[DATA SECTION]:
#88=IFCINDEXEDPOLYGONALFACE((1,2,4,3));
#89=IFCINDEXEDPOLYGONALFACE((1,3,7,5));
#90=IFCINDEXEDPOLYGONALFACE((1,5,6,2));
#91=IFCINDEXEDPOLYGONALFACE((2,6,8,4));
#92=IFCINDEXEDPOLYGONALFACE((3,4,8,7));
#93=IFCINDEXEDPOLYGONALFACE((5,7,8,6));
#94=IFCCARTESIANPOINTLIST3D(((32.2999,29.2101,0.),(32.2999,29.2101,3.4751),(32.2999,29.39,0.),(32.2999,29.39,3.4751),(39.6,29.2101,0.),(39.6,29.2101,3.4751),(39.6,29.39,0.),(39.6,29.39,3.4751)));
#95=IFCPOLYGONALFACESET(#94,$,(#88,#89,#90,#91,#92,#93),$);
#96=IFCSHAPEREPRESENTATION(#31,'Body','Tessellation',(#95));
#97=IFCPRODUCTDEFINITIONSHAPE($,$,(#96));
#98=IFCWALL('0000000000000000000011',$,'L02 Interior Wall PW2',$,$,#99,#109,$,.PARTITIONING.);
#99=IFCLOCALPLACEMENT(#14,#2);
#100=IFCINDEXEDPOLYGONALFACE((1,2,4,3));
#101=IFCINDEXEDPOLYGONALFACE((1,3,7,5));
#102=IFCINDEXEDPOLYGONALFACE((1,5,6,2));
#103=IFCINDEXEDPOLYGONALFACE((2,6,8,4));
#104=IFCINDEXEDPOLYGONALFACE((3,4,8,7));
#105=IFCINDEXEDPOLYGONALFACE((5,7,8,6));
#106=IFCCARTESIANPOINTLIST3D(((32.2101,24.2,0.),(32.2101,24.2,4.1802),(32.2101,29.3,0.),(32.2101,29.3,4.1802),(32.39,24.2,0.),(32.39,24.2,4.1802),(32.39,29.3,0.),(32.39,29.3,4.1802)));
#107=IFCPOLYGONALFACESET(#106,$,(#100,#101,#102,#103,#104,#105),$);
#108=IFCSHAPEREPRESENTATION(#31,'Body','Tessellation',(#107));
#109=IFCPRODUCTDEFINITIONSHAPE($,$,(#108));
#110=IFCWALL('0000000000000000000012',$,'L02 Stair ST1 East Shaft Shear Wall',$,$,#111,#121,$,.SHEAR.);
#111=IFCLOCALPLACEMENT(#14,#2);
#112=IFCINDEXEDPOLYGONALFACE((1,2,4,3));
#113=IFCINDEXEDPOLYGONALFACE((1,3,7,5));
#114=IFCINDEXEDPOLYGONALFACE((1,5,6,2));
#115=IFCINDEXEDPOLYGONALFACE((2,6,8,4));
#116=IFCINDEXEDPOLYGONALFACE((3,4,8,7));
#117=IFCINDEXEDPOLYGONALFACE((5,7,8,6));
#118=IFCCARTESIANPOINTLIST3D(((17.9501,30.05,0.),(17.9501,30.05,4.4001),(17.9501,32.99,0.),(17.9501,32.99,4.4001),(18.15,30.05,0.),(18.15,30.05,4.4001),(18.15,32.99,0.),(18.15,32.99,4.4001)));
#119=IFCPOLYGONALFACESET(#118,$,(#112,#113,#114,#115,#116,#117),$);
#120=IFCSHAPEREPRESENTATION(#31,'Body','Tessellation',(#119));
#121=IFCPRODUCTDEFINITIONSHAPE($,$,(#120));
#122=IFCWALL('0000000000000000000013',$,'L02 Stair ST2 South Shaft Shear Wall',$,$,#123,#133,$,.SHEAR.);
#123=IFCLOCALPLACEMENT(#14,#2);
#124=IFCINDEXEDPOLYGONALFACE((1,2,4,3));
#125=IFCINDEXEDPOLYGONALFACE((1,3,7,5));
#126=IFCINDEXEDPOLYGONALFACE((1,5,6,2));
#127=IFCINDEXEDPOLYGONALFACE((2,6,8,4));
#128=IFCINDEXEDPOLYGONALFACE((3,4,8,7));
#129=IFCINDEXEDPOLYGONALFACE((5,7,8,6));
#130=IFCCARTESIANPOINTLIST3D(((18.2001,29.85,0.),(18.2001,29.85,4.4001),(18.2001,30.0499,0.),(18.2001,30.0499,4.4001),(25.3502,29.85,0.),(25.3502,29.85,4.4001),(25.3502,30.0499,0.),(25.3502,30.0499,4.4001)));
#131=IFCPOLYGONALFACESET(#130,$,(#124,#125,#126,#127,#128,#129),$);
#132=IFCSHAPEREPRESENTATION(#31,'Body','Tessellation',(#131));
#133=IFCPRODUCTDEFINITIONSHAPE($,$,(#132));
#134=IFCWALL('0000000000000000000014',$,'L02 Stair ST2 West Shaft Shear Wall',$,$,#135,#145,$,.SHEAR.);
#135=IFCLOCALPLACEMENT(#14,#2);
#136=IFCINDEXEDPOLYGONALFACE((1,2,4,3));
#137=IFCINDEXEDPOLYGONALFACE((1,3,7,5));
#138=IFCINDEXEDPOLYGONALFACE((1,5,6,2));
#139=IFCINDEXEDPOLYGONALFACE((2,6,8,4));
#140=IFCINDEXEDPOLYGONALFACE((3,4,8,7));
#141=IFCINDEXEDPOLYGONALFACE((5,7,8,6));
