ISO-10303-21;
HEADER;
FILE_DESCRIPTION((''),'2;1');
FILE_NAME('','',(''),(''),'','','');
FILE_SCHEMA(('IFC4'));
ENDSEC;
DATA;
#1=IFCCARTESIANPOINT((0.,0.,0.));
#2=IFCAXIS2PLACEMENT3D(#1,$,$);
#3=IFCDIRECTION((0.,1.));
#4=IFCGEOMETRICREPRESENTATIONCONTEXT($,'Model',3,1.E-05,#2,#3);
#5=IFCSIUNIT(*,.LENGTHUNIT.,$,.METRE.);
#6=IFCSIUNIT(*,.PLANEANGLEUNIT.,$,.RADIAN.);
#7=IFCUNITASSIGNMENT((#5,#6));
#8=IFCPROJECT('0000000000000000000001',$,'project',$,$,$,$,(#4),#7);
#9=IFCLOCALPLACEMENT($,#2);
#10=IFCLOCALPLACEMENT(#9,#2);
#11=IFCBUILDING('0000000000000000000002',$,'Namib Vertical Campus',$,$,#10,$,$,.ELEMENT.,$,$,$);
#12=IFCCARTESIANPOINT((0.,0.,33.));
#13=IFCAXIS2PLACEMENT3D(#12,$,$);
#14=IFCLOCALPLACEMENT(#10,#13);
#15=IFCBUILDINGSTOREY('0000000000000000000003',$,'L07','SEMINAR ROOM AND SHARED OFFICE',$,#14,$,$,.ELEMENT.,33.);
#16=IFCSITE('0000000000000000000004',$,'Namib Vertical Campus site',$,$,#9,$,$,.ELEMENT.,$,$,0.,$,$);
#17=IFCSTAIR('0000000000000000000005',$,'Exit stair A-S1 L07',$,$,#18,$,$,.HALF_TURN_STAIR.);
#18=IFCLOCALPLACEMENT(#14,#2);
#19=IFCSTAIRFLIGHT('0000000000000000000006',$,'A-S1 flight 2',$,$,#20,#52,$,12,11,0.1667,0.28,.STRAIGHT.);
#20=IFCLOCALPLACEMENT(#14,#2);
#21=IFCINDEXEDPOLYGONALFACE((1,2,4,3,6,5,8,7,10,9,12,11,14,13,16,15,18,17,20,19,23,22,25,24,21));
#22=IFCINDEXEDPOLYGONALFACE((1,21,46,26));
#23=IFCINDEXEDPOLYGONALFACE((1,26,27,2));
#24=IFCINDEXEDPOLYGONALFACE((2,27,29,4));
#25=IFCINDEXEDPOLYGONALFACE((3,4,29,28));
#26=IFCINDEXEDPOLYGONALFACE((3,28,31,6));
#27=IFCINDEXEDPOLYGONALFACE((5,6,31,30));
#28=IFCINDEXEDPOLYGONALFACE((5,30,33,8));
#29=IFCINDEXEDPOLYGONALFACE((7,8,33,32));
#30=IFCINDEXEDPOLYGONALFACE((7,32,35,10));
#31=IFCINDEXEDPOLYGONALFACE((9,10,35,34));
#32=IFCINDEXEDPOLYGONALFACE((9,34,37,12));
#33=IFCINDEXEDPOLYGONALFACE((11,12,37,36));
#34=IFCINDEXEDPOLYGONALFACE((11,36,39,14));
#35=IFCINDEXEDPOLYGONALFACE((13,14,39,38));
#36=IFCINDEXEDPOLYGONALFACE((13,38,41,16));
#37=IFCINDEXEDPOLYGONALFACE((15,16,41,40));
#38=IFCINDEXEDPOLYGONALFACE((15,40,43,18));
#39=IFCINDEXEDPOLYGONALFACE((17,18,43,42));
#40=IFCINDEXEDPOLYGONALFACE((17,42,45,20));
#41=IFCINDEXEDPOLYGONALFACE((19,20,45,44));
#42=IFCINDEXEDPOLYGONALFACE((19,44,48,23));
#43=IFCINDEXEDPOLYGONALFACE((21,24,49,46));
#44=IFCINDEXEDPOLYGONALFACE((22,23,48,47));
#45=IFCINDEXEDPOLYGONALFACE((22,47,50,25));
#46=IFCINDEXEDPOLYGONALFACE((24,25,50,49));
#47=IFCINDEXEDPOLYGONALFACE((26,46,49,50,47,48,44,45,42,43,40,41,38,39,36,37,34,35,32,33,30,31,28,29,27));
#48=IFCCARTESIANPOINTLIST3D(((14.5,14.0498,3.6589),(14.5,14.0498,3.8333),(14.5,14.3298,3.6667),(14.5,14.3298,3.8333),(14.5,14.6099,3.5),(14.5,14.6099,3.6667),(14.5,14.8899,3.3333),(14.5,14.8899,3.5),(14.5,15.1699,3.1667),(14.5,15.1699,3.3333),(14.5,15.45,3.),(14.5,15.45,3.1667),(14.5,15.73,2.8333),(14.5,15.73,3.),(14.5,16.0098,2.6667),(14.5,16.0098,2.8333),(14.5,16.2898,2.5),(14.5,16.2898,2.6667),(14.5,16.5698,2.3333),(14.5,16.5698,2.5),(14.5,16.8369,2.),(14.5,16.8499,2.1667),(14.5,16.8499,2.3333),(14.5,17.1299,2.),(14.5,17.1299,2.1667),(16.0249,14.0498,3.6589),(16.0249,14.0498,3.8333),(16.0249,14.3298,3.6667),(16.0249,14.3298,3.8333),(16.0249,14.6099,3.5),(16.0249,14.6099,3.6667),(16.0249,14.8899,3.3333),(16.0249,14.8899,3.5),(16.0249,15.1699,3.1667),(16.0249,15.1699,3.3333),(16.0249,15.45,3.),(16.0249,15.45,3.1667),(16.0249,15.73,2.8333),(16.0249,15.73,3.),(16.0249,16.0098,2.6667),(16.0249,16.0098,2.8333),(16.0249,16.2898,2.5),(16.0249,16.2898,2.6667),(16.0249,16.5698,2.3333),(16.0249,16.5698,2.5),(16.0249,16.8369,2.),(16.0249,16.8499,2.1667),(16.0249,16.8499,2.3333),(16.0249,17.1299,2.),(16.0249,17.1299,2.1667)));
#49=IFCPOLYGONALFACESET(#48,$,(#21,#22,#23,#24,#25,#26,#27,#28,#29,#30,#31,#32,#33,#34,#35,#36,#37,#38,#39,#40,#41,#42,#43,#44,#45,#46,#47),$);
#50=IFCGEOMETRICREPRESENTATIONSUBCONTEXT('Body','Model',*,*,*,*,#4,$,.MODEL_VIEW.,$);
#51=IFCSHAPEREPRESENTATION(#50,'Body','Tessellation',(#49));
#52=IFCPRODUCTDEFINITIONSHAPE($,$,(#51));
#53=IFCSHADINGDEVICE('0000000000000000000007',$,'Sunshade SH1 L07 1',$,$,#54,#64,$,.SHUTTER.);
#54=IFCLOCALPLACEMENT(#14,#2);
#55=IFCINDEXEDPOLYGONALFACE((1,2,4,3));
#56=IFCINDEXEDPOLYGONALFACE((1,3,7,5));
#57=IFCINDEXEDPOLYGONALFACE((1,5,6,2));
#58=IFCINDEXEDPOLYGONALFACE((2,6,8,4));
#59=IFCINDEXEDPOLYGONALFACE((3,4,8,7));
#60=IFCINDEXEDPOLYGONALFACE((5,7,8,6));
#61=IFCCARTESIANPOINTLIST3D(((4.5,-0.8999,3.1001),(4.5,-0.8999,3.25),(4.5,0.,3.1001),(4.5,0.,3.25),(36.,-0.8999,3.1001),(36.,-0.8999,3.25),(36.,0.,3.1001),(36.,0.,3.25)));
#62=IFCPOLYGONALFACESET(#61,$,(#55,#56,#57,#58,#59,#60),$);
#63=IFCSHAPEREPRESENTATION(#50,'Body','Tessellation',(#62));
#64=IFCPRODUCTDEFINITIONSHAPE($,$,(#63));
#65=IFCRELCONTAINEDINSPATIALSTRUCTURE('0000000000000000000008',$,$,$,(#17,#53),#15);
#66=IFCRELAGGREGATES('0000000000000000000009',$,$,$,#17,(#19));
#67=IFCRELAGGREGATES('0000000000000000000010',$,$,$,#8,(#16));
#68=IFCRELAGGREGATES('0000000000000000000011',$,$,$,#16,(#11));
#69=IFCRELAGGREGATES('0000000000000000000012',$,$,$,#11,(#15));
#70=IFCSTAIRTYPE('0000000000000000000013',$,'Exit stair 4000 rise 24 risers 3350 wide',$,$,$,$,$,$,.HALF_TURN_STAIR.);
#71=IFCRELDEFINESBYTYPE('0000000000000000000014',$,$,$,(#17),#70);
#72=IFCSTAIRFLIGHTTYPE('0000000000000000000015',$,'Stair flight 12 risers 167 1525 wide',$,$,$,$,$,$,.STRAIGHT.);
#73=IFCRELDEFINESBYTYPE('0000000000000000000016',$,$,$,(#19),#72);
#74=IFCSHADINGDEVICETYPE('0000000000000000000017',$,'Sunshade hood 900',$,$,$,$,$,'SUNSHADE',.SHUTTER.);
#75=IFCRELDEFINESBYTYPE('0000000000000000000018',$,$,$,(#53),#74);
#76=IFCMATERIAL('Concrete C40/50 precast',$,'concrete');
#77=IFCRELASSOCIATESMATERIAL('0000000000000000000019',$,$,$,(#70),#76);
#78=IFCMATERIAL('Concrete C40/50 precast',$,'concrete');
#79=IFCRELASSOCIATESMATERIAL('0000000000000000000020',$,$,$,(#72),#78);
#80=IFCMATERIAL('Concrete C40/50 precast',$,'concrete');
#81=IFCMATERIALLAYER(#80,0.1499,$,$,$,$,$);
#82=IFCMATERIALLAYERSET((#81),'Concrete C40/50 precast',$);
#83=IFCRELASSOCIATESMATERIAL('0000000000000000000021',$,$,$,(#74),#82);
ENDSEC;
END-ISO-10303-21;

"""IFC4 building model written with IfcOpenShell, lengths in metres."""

from ifc_helpers import new_model, si_unit, direction, frame, origin, origin_2d, place, context, subcontext, project, spatial, polyline, rectangle, outline, extrude, material, layer, layer_set, type_object, element, aggregate, save


model = new_model("IFC4")

# Units and contexts
model_context = context("Model", 3, precision=1e-05, world=origin(), true_north=direction((0.0, 1.0)))
body_context = subcontext(model_context, "Body", "Model", "MODEL_VIEW")
ifc_project = project(units=[si_unit("LENGTHUNIT", "METRE"), si_unit("PLANEANGLEUNIT", "RADIAN")], contexts=[model_context])

# Site, building, storey
site_placement = place(None, origin())
site = spatial("IfcSite", under=ifc_project, at=site_placement, Name="Namib Vertical Campus site", CompositionType="ELEMENT", RefElevation=0.0)
building_placement = place(site_placement, origin())
building = spatial("IfcBuilding", under=site, at=building_placement, Name="Namib Vertical Campus", CompositionType="ELEMENT")
storey_placement = place(building_placement, frame((0.0, 0.0, 33.0)))
storey = spatial("IfcBuildingStorey", under=building, at=storey_placement, Name="L07", Description="SEMINAR ROOM AND SHARED OFFICE", CompositionType="ELEMENT", Elevation=33.0)

# Stair, stair flight
ifc_material_1 = material(Name="Concrete C40/50 precast", Category="concrete")
stair_type = type_object("IfcStairType", Name="Exit stair 4000 rise 24 risers 3350 wide", PredefinedType="HALF_TURN_STAIR", material=ifc_material_1)
stair_placement = place(storey_placement, origin())
stair = element("IfcStair", 1, at=stair_placement, inside=storey, type_object=stair_type, Name="Exit stair A-S1 L07", PredefinedType="HALF_TURN_STAIR")
ifc_material_2 = material(Name="Concrete C40/50 precast", Category="concrete")
stair_flight_type = type_object("IfcStairFlightType", Name="Stair flight 12 risers 167 1525 wide", PredefinedType="STRAIGHT", material=ifc_material_2)
stair_flight_1_placement = place(storey_placement, frame((15.2625, 17.1299, 2.0), z_axis=(0.0, 0.0, 1.0), x_axis=(0.0, -1.0, 0.0)))
stair_flight_1 = element("IfcStairFlight", 2, at=stair_flight_1_placement, type_object=stair_flight_type, Name="A-S1 flight 2", NumberOfRisers=12, NumberOfTreads=11, PredefinedType="STRAIGHT", RiserHeight=0.1667, TreadLength=0.28, context=body_context, shape_type="SweptSolid", body=[
    extrude(outline(polyline([(0.0, 0.0), (0.0, 0.1667), (0.28, 0.1667), (0.28, 0.3333), (0.5601, 0.3333), (0.5601, 0.5), (0.8401, 0.5), (0.8401, 0.6667), (1.1201, 0.6667), (1.1201, 0.8333), (1.3999, 0.8333), (1.3999, 1.0), (1.6799, 1.0), (1.6799, 1.1667), (1.96, 1.1667), (1.96, 1.3333), (2.24, 1.3333), (2.24, 1.5), (2.52, 1.5), (2.52, 1.6667), (2.8, 1.6667), (2.8, 1.8333), (3.0801, 1.8333), (3.0801, 2.0), (3.0801, 1.6589), (0.293, 0.0), (0.0, 0.0)])), frame((0.0, 0.7625, 0.0), z_axis=(0.0, -1.0, 0.0), x_axis=(1.0, 0.0, 0.0)), (0.0, 0.0, 1.0), 1.5249),
])
aggregate(stair, [stair_flight_1])

# Shading device
ifc_material_3 = material(Name="Concrete C40/50 precast", Category="concrete")
ifc_layer_1 = layer(ifc_material_3, 0.1499)
ifc_layer_set_1 = layer_set([ifc_layer_1], Name="Concrete C40/50 precast")
shading_device_type = type_object("IfcShadingDeviceType", Name="Sunshade hood 900", ElementType="SUNSHADE", PredefinedType="SHUTTER", material=ifc_layer_set_1)
shading_device_placement = place(storey_placement, frame((20.25, -0.45, 3.1001), z_axis=(0.0, 0.0, 1.0), x_axis=(1.0, 0.0, 0.0)))
element("IfcShadingDevice", 3, at=shading_device_placement, inside=storey, type_object=shading_device_type, Name="Sunshade SH1 L07 1", PredefinedType="SHUTTER", context=body_context, shape_type="SweptSolid", body=[
    extrude(rectangle(XDim=31.5, YDim=0.8999, at=origin_2d()), origin(), (0.0, 0.0, 1.0), 0.1499),
])

save(model, "model.ifc")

[EXERCISE BRIEF]:
I would like you to report every line in the listing above that contains "IFCPRODUCTDEFINITIONSHAPE".

[RESPONSE]:
#97=IFCPRODUCTDEFINITIONSHAPE($,$,(#96));
#109=IFCPRODUCTDEFINITIONSHAPE($,$,(#108));
#121=IFCPRODUCTDEFINITIONSHAPE($,$,(#120));
#133=IFCPRODUCTDEFINITIONSHAPE($,$,(#132));
#52=IFCPRODUCTDEFINITIONSHAPE($,$,(#51));
#64=IFCPRODUCTDEFINITIONSHAPE($,$,(#63));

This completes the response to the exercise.